RECORDS
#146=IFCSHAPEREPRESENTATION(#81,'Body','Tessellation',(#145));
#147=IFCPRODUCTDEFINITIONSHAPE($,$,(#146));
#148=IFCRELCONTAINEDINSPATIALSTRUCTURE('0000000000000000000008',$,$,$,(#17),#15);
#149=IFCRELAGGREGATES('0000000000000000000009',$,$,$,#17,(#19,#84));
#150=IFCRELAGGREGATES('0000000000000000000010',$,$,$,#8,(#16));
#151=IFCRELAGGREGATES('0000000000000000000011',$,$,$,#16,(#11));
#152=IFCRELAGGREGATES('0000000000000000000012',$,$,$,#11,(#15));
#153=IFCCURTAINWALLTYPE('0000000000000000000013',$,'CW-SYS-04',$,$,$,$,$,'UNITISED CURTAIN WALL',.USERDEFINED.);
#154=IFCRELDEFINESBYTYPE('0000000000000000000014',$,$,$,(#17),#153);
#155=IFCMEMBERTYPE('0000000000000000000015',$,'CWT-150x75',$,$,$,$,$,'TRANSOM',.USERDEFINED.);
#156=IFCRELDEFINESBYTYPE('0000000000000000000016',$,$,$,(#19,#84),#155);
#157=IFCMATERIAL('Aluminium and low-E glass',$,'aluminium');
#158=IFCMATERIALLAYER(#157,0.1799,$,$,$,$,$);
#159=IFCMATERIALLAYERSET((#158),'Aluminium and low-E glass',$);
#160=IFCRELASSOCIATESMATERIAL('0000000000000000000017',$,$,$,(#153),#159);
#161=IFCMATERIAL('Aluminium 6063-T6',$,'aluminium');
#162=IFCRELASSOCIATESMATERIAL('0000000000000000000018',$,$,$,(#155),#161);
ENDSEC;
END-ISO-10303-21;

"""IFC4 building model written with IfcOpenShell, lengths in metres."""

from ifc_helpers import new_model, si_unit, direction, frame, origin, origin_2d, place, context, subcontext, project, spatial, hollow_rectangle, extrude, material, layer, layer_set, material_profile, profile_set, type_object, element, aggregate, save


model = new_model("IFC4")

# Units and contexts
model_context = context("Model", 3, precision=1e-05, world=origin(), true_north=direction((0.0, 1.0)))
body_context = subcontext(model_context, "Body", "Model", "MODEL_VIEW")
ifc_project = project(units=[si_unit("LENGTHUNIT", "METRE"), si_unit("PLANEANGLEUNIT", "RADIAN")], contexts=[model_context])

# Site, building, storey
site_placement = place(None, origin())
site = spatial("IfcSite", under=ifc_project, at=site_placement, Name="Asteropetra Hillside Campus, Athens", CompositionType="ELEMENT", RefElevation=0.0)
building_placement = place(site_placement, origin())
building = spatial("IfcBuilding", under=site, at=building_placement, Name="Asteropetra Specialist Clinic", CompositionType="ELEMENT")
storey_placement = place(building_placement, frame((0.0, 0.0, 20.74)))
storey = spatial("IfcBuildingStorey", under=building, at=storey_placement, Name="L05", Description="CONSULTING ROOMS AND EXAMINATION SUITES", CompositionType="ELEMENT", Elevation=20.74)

EXERCISE OBJECTIVE
Repeat the whole listing exactly, with no omissions.

SOLUTION TO THIS EXERCISE
#146=IFCSHAPEREPRESENTATION(#81,'Body','Tessellation',(#145));
#147=IFCPRODUCTDEFINITIONSHAPE($,$,(#146));
#148=IFCRELCONTAINEDINSPATIALSTRUCTURE('0000000000000000000008',$,$,$,(#17),#15);
#149=IFCRELAGGREGATES('0000000000000000000009',$,$,$,#17,(#19,#84));
#150=IFCRELAGGREGATES('0000000000000000000010',$,$,$,#8,(#16));
#151=IFCRELAGGREGATES('0000000000000000000011',$,$,$,#16,(#11));
#152=IFCRELAGGREGATES('0000000000000000000012',$,$,$,#11,(#15));
#153=IFCCURTAINWALLTYPE('0000000000000000000013',$,'CW-SYS-04',$,$,$,$,$,'UNITISED CURTAIN WALL',.USERDEFINED.);
#154=IFCRELDEFINESBYTYPE('0000000000000000000014',$,$,$,(#17),#153);
#155=IFCMEMBERTYPE('0000000000000000000015',$,'CWT-150x75',$,$,$,$,$,'TRANSOM',.USERDEFINED.);
#156=IFCRELDEFINESBYTYPE('0000000000000000000016',$,$,$,(#19,#84),#155);
#157=IFCMATERIAL('Aluminium and low-E glass',$,'aluminium');
#158=IFCMATERIALLAYER(#157,0.1799,$,$,$,$,$);
#159=IFCMATERIALLAYERSET((#158),'Aluminium and low-E glass',$);
#160=IFCRELASSOCIATESMATERIAL('0000000000000000000017',$,$,$,(#153),#159);
#161=IFCMATERIAL('Aluminium 6063-T6',$,'aluminium');
#162=IFCRELASSOCIATESMATERIAL('0000000000000000000018',$,$,$,(#155),#161);
ENDSEC;
END-ISO-10303-21;

"""IFC4 building model written with IfcOpenShell, lengths in metres."""

from ifc_helpers import new_model, si_unit, direction, frame, origin, origin_2d, place, context, subcontext, project, spatial, hollow_rectangle, extrude, material, layer, layer_set, material_profile, profile_set, type_object, element, aggregate, save


model = new_model("IFC4")

# Units and contexts
model_context = context("Model", 3, precision=1e-05, world=origin(), true_north=direction((0.0, 1.0)))
body_context = subcontext(model_context, "Body", "Model", "MODEL_VIEW")
ifc_project = project(units=[si_unit("LENGTHUNIT", "METRE"), si_unit("PLANEANGLEUNIT", "RADIAN")], contexts=[model_context])

# Site, building, storey
site_placement = place(None, origin())
site = spatial("IfcSite", under=ifc_project, at=site_placement, Name="Asteropetra Hillside Campus, Athens", CompositionType="ELEMENT", RefElevation=0.0)
building_placement = place(site_placement, origin())
building = spatial("IfcBuilding", under=site, at=building_placement, Name="Asteropetra Specialist Clinic", CompositionType="ELEMENT")
storey_placement = place(building_placement, frame((0.0, 0.0, 20.74)))
storey = spatial("IfcBuildingStorey", under=building, at=storey_placement, Name="L05", Description="CONSULTING ROOMS AND EXAMINATION SUITES", CompositionType="ELEMENT", Elevation=20.74)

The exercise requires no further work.